Task to complete: Pick out the lines below that include the string "IFCRELASSOCIATESMATERIAL".

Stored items
»»
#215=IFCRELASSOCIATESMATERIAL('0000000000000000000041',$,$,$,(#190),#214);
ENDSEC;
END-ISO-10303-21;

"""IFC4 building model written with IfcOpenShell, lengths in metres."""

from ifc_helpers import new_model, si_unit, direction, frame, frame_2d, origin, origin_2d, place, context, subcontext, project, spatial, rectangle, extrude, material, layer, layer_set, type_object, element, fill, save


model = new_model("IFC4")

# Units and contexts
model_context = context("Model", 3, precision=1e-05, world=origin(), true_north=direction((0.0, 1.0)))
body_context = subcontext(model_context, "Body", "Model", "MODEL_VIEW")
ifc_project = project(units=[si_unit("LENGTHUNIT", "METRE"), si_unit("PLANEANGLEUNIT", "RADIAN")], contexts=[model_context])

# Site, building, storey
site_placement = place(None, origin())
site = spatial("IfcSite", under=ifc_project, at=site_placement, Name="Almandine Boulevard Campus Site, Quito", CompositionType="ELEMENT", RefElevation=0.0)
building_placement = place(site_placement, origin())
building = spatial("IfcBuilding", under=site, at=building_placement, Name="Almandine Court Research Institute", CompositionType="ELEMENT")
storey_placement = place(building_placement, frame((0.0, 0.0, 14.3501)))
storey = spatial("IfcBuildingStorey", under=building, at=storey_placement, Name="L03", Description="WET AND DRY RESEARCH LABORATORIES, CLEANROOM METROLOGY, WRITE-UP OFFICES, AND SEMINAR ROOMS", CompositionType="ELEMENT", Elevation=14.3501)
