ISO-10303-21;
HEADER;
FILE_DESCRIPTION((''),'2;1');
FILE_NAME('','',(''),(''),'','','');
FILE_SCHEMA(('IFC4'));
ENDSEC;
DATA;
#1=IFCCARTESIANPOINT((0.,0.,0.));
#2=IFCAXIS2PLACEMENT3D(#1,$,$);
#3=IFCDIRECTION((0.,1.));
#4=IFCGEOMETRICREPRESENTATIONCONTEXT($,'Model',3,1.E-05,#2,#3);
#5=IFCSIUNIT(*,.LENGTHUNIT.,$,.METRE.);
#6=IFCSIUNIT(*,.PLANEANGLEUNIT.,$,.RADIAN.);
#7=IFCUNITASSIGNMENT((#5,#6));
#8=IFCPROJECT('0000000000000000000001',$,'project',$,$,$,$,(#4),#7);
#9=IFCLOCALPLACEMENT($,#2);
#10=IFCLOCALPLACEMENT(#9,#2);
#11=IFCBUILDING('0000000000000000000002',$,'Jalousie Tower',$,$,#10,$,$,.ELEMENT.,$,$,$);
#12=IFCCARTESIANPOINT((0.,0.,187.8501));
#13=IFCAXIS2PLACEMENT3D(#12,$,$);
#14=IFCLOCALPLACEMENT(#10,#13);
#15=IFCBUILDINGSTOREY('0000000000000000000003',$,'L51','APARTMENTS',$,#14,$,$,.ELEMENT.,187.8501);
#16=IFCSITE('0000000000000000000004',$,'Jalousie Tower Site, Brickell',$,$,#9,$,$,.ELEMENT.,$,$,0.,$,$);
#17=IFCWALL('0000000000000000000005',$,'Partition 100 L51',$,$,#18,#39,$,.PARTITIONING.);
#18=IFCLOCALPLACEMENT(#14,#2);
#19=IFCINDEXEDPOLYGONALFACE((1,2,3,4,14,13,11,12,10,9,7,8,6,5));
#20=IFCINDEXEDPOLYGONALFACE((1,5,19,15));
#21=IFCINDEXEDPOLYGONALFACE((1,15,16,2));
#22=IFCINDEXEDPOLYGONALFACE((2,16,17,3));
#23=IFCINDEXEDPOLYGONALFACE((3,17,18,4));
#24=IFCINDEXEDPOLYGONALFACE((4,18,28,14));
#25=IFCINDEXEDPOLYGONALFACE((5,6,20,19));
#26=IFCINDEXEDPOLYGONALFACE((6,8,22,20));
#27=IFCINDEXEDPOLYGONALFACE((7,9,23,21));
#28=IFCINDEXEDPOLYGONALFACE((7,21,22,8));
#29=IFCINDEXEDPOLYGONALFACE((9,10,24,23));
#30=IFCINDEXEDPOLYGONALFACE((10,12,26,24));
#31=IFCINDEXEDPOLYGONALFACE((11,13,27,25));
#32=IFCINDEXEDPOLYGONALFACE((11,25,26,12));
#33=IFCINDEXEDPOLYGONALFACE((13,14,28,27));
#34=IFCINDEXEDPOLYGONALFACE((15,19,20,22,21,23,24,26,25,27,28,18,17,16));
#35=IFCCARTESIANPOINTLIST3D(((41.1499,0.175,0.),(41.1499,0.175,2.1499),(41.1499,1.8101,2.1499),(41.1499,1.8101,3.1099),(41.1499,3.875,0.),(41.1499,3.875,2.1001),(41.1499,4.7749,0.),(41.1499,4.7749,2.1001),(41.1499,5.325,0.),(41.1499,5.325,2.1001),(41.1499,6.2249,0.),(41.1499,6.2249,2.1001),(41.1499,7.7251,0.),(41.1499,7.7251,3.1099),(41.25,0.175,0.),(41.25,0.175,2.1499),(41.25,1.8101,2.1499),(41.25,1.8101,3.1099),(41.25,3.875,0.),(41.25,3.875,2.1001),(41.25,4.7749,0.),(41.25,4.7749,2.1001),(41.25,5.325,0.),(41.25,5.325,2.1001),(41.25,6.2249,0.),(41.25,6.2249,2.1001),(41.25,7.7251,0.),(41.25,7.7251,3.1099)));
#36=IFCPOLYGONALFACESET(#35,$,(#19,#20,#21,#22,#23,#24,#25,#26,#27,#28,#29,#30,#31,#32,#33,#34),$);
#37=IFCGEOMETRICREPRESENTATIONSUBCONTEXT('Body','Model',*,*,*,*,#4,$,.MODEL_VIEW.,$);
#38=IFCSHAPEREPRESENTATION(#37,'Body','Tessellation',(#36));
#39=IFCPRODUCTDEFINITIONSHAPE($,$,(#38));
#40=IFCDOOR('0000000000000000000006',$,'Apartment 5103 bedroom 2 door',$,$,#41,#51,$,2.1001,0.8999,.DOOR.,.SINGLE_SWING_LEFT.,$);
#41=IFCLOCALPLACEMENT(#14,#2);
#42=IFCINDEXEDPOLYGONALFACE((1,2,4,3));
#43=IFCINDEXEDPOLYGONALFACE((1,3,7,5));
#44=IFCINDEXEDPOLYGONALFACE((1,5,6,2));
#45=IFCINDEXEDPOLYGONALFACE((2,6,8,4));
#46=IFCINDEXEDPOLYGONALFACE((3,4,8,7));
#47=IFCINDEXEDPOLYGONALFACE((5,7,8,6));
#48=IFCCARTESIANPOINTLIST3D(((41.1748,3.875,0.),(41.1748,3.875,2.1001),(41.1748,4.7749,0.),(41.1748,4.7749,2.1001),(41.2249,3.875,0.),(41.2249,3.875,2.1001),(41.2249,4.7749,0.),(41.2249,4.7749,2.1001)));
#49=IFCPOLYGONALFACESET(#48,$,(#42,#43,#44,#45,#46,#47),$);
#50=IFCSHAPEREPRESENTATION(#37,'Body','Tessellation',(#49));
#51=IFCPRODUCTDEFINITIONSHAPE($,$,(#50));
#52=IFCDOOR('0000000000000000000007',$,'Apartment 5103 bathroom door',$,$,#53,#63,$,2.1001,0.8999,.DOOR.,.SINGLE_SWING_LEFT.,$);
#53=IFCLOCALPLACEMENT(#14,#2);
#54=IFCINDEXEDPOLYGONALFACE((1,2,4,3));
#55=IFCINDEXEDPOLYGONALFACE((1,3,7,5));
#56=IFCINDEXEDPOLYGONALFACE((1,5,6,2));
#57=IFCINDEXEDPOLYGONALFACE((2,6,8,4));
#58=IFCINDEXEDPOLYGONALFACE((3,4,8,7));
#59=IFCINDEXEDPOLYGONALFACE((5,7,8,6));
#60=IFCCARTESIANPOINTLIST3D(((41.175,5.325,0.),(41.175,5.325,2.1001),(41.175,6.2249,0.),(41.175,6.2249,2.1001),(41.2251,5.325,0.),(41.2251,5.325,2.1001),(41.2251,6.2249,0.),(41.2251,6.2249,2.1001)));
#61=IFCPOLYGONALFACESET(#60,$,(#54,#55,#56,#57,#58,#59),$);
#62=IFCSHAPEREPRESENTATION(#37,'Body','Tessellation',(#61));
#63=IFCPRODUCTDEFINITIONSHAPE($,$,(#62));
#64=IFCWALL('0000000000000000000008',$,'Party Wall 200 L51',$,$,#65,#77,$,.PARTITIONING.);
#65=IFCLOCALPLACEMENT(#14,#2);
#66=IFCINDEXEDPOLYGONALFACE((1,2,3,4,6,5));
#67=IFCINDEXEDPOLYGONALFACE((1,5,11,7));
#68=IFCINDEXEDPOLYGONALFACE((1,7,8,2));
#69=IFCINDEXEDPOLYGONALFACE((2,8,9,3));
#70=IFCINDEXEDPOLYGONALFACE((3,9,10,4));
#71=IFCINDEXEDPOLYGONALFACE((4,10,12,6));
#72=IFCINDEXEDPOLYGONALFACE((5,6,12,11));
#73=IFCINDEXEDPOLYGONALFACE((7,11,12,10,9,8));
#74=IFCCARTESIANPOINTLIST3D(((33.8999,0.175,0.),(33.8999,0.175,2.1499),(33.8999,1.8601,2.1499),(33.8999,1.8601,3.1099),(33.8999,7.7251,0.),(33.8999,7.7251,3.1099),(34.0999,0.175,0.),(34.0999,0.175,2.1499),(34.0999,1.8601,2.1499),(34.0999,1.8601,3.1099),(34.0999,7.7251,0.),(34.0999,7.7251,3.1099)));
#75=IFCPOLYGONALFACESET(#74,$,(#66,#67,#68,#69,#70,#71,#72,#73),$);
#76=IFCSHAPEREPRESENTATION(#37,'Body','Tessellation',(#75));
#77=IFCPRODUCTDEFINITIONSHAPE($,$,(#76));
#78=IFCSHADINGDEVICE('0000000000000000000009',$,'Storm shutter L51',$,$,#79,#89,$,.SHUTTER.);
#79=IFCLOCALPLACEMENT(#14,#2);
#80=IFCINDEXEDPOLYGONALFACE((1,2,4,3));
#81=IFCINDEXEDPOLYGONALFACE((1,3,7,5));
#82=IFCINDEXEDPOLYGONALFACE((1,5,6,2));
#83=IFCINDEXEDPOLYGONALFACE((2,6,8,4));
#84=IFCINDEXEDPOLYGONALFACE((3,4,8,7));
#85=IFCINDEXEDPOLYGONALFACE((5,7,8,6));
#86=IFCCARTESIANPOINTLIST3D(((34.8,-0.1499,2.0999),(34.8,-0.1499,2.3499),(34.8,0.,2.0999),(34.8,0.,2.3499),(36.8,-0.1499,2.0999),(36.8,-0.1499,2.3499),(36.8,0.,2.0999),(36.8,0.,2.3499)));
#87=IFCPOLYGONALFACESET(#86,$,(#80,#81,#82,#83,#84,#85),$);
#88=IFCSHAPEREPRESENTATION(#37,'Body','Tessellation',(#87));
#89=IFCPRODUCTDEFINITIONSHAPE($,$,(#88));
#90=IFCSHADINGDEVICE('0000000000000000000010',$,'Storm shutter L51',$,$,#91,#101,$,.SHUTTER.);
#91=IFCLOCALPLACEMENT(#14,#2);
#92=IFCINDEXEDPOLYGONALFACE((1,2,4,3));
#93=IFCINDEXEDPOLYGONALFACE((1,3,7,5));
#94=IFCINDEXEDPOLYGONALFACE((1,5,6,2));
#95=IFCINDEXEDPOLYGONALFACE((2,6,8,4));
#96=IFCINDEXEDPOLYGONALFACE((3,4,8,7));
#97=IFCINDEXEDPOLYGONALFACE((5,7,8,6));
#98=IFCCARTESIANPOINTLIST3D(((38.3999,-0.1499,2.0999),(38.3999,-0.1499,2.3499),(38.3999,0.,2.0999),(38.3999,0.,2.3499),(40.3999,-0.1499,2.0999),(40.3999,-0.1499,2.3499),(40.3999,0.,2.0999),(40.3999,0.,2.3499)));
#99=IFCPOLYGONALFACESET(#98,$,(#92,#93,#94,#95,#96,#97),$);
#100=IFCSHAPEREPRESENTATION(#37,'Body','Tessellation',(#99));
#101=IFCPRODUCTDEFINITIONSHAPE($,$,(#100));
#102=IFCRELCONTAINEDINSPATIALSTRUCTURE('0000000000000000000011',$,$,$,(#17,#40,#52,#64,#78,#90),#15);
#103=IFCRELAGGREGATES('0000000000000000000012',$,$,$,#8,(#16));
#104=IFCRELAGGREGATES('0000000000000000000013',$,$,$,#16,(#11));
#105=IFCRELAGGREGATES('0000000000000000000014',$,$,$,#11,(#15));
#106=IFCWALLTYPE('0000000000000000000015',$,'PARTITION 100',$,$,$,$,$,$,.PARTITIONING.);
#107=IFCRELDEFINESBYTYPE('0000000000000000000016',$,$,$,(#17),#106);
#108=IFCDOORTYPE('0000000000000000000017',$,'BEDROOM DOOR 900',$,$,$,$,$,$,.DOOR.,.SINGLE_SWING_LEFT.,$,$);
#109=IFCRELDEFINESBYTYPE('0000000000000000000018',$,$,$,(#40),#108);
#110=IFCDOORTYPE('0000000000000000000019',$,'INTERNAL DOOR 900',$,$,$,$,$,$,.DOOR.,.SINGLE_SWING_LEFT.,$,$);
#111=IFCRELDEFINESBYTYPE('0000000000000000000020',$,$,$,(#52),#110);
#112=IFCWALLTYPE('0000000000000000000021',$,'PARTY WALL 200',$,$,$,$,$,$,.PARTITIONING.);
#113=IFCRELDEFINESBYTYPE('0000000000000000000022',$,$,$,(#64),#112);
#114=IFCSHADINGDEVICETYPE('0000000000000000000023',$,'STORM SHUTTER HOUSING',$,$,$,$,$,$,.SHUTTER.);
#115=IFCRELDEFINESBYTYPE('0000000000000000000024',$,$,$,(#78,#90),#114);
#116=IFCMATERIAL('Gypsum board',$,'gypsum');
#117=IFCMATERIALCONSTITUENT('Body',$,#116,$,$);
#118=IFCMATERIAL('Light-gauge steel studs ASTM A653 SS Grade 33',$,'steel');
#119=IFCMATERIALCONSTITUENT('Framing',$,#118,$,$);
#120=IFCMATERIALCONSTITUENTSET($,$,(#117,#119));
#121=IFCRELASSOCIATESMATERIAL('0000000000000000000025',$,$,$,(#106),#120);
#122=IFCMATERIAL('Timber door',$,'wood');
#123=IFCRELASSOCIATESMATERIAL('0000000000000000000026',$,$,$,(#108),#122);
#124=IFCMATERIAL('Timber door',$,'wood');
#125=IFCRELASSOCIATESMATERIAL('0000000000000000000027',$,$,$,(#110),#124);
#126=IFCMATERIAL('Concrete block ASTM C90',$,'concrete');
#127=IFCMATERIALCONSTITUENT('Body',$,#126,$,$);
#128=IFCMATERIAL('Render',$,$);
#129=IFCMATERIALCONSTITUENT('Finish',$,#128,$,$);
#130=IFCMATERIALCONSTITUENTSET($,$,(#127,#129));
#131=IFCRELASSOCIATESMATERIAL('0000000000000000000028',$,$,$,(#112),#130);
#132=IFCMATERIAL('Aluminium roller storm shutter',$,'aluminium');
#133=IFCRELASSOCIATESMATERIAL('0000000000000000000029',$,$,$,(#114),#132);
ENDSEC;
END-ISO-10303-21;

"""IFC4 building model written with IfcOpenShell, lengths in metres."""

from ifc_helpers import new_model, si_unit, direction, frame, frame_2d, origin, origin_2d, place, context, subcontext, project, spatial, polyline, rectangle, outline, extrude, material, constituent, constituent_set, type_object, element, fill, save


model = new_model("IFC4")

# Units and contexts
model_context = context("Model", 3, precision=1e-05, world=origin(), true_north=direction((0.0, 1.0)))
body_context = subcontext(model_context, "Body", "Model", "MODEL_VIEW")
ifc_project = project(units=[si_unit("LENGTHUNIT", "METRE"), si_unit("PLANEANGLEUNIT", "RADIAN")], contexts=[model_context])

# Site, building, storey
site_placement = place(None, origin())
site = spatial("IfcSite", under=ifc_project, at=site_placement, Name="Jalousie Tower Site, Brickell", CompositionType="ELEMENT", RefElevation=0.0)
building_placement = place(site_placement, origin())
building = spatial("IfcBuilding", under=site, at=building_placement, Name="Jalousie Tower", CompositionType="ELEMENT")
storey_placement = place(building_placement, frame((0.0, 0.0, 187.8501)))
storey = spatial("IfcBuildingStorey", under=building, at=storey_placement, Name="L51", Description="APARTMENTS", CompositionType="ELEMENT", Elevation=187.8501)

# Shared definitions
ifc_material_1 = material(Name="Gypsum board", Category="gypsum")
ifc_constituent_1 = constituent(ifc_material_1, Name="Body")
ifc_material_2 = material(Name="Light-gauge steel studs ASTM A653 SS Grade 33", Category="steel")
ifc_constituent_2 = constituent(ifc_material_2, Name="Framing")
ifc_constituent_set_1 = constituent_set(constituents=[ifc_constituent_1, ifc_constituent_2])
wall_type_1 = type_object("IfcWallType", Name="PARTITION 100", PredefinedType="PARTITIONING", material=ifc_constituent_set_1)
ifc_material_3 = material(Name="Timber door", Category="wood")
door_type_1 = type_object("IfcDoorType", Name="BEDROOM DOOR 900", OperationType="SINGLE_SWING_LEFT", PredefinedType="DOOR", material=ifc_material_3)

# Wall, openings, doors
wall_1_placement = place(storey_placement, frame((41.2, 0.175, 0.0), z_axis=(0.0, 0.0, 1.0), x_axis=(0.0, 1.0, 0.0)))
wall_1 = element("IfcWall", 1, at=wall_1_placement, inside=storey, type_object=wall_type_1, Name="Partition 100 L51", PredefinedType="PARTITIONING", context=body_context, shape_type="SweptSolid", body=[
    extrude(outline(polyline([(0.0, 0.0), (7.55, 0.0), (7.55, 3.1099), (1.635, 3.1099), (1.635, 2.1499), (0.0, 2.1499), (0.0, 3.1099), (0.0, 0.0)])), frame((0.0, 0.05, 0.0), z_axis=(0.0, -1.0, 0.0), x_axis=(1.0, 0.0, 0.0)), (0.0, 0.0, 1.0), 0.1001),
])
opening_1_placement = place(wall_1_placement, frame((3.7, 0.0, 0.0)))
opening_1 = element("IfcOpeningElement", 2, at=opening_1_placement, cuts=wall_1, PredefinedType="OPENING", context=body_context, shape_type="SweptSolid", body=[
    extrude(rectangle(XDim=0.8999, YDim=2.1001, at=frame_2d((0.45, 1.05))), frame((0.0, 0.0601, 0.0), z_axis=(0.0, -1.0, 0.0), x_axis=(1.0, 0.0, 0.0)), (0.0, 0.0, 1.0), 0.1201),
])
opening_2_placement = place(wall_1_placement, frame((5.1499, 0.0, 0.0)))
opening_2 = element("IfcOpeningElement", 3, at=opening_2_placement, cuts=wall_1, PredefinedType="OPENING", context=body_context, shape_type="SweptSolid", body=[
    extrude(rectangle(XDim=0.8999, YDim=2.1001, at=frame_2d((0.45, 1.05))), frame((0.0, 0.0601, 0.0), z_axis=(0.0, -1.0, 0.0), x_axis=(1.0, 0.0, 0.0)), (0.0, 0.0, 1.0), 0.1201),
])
««
Solution:
#215=IFCRELASSOCIATESMATERIAL('0000000000000000000041',$,$,$,(#190),#214);
#121=IFCRELASSOCIATESMATERIAL('0000000000000000000025',$,$,$,(#106),#120);
#123=IFCRELASSOCIATESMATERIAL('0000000000000000000026',$,$,$,(#108),#122);
#125=IFCRELASSOCIATESMATERIAL('0000000000000000000027',$,$,$,(#110),#124);
#131=IFCRELASSOCIATESMATERIAL('0000000000000000000028',$,$,$,(#112),#130);
#133=IFCRELASSOCIATESMATERIAL('0000000000000000000029',$,$,$,(#114),#132);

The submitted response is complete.